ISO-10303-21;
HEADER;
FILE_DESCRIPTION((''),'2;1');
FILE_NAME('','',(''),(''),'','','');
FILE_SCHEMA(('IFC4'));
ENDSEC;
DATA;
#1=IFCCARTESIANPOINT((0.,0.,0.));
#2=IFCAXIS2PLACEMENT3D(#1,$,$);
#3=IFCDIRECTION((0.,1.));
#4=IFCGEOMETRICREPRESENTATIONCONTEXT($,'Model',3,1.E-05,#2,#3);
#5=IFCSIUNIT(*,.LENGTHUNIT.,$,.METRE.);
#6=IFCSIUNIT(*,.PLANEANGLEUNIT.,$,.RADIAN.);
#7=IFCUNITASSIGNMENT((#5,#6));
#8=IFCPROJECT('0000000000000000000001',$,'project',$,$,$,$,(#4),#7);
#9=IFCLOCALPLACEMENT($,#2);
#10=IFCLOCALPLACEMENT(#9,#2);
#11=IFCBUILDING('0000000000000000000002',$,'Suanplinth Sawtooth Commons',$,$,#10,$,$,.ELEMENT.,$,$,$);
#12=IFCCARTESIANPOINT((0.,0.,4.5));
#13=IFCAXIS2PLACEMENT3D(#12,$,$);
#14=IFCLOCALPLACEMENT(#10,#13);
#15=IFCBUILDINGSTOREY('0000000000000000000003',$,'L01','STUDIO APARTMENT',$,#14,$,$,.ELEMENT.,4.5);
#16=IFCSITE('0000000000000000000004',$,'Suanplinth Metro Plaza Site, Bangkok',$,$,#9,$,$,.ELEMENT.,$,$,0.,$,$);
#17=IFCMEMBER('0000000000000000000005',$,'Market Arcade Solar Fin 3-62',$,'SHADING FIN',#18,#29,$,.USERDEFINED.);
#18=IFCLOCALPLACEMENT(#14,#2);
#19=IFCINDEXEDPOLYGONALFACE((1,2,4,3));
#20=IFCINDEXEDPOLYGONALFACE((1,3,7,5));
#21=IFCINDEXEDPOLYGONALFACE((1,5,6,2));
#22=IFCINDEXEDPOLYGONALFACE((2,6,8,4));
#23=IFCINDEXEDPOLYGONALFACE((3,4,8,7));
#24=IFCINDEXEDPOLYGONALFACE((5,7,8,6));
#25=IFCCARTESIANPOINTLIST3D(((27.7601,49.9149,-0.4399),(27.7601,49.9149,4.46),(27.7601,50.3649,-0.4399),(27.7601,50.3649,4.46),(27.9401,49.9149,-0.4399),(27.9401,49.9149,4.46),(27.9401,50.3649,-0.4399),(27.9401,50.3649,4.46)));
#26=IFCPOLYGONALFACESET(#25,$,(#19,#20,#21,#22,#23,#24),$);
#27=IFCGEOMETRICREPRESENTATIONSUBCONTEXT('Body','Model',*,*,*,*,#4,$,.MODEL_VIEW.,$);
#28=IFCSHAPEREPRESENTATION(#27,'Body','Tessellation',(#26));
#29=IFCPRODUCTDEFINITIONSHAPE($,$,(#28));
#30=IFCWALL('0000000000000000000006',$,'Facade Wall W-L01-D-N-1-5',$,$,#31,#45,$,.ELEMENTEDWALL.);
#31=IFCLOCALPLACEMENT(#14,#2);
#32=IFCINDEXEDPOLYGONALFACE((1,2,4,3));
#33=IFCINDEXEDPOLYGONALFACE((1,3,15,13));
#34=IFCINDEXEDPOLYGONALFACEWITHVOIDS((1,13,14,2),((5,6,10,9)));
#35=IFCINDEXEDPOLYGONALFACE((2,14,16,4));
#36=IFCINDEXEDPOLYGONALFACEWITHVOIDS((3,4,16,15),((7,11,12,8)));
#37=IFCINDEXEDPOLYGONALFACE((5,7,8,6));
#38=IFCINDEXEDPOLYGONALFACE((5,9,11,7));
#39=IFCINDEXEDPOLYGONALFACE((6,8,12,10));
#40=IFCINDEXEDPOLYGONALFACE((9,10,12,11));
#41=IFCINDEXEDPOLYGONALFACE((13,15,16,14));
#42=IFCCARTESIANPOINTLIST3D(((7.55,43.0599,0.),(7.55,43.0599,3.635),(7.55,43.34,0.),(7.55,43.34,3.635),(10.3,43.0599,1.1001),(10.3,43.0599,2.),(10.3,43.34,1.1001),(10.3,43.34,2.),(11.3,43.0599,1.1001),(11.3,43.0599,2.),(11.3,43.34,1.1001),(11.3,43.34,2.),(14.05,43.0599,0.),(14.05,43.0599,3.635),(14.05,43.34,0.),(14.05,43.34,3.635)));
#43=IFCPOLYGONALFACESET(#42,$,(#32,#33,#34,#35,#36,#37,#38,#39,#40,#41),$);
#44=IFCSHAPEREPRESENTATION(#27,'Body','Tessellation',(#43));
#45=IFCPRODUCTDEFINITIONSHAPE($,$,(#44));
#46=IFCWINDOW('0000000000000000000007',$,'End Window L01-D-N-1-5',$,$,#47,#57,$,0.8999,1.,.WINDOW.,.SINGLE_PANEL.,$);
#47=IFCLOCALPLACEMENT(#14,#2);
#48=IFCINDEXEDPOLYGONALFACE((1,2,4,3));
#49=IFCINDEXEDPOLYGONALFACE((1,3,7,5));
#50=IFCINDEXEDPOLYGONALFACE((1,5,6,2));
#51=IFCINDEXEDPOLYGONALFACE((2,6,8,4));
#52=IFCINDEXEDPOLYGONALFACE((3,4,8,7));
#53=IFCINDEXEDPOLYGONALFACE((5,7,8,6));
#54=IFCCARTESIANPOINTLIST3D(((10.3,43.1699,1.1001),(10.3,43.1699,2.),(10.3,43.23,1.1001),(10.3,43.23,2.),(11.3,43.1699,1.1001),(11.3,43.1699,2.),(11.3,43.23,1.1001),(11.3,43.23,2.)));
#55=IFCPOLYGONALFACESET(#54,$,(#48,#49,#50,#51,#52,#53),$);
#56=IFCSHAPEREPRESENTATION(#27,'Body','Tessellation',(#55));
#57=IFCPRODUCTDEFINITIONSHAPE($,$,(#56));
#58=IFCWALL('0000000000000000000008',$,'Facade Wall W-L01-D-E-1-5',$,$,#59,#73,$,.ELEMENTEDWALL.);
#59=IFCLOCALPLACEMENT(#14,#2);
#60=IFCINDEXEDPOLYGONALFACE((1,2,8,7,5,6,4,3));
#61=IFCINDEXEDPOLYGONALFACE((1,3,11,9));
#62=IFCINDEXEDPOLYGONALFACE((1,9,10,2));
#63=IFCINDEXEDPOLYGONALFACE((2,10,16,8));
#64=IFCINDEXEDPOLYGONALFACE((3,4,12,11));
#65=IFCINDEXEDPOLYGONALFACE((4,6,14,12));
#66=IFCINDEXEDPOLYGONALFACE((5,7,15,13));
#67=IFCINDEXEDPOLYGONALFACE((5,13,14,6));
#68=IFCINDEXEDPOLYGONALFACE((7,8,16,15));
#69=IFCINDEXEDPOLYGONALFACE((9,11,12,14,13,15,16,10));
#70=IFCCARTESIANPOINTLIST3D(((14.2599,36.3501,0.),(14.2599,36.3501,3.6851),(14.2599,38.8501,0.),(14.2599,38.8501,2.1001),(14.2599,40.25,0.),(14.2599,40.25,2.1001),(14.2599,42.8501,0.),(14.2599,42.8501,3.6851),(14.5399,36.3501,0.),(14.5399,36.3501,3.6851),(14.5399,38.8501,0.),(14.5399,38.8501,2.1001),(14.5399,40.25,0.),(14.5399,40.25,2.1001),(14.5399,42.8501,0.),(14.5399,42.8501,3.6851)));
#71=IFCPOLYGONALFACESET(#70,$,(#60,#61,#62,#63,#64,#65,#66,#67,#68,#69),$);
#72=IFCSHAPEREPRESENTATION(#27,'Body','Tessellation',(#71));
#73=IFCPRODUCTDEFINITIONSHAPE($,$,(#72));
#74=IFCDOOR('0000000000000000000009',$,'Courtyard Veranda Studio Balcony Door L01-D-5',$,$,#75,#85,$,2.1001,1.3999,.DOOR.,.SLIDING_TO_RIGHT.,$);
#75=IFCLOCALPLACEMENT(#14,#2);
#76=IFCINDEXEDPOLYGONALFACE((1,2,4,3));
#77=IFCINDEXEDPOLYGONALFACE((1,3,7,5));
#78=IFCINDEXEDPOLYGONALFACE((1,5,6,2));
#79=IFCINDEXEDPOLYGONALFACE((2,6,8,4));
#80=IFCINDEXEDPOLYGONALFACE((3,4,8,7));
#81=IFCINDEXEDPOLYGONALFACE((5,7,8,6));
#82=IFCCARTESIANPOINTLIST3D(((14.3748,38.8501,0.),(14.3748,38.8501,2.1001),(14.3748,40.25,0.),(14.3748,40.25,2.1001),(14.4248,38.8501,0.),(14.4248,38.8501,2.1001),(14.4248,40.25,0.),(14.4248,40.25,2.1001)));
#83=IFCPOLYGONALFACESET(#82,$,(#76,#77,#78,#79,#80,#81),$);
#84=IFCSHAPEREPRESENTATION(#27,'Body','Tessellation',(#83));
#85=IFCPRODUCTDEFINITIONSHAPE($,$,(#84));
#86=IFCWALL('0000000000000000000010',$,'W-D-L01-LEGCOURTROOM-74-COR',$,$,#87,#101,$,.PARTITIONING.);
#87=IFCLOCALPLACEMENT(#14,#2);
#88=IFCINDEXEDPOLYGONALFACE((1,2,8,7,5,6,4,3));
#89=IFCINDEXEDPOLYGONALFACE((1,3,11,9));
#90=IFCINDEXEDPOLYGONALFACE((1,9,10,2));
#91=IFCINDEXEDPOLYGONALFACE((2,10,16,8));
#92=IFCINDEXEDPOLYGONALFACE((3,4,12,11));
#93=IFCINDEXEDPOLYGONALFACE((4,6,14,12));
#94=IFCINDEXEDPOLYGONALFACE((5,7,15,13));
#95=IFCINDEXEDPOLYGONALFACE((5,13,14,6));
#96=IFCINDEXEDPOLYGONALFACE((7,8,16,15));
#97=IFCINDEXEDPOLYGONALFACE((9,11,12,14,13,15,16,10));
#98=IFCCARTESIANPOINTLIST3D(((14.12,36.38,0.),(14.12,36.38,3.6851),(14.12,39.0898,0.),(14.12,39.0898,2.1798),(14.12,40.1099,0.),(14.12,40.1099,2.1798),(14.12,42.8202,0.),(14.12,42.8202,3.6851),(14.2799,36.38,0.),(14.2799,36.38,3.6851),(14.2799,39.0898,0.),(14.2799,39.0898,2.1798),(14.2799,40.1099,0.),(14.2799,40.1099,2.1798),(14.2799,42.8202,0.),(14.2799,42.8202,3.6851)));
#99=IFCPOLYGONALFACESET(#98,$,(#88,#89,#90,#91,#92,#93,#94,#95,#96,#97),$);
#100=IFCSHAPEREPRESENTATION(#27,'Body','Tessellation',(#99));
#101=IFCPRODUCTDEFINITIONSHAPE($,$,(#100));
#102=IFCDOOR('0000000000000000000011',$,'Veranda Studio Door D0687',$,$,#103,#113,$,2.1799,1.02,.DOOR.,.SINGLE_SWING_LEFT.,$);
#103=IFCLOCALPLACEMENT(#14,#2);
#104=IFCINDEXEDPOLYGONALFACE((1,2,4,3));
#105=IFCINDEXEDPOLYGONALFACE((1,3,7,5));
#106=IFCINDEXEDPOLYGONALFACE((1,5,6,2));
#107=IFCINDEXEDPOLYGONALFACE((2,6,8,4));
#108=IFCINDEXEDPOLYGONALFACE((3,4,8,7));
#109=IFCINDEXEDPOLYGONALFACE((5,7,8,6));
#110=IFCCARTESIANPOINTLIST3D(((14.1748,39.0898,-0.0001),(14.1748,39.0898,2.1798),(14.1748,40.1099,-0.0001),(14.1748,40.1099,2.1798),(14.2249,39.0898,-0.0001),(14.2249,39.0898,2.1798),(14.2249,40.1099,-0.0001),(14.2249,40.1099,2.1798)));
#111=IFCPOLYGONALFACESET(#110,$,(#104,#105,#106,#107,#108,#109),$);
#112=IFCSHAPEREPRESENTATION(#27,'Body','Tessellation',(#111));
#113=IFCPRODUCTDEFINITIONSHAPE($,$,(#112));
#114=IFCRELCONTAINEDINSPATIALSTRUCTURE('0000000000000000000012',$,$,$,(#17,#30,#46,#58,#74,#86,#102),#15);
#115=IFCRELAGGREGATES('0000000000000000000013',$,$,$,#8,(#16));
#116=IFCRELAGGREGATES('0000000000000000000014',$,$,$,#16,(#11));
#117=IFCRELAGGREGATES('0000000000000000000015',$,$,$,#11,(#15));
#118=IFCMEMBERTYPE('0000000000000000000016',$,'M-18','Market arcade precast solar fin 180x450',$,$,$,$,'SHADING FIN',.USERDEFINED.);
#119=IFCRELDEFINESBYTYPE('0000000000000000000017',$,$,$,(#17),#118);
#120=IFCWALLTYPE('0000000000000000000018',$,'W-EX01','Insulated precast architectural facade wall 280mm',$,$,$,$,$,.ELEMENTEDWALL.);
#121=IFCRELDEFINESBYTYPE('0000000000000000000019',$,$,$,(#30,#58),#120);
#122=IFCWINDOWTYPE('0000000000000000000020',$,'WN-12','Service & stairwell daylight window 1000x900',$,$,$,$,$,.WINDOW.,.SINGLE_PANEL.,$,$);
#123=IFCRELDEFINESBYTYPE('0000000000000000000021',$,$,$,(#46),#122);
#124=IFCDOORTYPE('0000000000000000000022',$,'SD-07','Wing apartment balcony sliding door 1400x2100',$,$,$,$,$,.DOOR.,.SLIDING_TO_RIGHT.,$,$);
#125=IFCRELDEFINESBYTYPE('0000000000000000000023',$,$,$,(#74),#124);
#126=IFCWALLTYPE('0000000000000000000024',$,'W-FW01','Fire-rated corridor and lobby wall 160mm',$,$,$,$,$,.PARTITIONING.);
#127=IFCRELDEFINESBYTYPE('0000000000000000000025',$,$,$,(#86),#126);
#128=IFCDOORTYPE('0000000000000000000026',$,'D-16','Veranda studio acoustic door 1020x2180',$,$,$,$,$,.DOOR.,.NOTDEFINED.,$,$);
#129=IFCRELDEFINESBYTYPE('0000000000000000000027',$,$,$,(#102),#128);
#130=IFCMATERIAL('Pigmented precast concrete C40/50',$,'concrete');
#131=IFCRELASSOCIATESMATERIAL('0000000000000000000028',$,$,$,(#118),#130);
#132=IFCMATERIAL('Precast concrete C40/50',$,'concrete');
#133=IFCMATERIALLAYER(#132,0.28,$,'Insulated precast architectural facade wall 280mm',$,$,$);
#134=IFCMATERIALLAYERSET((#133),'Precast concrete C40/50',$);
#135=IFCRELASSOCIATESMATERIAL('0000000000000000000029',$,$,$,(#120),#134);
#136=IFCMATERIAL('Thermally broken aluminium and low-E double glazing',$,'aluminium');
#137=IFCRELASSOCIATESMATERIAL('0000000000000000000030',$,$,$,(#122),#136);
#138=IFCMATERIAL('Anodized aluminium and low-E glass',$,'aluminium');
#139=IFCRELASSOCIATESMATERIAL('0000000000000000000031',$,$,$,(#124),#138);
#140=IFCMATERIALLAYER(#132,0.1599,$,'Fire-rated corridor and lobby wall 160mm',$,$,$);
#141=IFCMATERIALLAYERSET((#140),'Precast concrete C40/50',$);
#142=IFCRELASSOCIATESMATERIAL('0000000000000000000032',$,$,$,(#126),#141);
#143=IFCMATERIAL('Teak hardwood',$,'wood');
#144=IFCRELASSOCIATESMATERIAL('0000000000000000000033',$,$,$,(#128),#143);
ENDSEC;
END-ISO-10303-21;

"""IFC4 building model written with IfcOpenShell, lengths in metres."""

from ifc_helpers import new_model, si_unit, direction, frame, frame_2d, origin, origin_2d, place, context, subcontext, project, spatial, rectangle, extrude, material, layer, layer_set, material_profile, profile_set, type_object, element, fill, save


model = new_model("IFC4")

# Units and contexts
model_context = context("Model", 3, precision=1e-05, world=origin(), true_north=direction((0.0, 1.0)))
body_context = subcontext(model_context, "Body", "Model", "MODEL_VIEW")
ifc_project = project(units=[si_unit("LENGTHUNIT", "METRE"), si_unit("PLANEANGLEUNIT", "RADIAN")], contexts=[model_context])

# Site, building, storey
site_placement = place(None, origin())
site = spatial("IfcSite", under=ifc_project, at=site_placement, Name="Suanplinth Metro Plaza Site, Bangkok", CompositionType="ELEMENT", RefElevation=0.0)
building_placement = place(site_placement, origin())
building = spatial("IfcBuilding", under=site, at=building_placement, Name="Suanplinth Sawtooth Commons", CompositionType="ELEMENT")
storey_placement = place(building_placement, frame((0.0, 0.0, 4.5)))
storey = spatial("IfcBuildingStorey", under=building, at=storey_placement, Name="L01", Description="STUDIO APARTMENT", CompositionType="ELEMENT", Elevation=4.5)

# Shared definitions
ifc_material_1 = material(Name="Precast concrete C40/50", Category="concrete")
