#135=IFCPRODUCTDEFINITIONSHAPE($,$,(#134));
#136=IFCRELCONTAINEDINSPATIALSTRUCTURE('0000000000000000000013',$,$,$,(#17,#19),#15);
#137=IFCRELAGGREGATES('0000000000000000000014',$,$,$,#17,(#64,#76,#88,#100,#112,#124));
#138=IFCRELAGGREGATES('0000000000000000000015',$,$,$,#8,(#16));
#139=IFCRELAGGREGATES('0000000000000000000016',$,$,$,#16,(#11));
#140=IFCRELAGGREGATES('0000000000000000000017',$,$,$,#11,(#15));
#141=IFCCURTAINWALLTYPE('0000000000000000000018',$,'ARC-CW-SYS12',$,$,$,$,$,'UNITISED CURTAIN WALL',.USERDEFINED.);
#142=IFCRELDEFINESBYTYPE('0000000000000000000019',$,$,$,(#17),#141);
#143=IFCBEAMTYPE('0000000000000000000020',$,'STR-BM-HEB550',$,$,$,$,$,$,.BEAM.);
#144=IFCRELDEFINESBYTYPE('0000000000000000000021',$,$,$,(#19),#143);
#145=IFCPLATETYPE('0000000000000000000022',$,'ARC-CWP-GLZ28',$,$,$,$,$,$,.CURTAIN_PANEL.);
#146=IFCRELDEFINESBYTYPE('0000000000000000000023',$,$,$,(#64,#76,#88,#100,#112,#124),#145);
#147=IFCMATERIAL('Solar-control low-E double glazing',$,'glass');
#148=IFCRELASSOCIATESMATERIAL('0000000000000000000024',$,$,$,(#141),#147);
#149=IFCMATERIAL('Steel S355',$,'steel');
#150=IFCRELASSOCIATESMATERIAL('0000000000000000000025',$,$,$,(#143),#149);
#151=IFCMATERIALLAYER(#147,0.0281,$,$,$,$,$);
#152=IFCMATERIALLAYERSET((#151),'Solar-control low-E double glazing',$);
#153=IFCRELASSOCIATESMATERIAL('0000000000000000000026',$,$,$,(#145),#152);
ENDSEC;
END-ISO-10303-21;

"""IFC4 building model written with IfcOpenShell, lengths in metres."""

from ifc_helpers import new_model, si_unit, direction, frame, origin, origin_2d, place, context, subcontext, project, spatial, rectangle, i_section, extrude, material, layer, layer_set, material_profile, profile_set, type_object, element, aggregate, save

◆ **Brief**
Of all the entries above, output exactly the lines between the one holding "#90=IFCINDEXEDPOLYGONALFACE((1,9,10,2));" and the one holding "#95=IFCINDEXEDPOLYGONALFACE((5,13,14,6));", inclusive.

◆ **Solution to the problem**
#90=IFCINDEXEDPOLYGONALFACE((1,9,10,2));
#91=IFCINDEXEDPOLYGONALFACE((2,10,16,8));
#92=IFCINDEXEDPOLYGONALFACE((3,4,12,11));
#93=IFCINDEXEDPOLYGONALFACE((4,6,14,12));
#94=IFCINDEXEDPOLYGONALFACE((5,7,15,13));
#95=IFCINDEXEDPOLYGONALFACE((5,13,14,6));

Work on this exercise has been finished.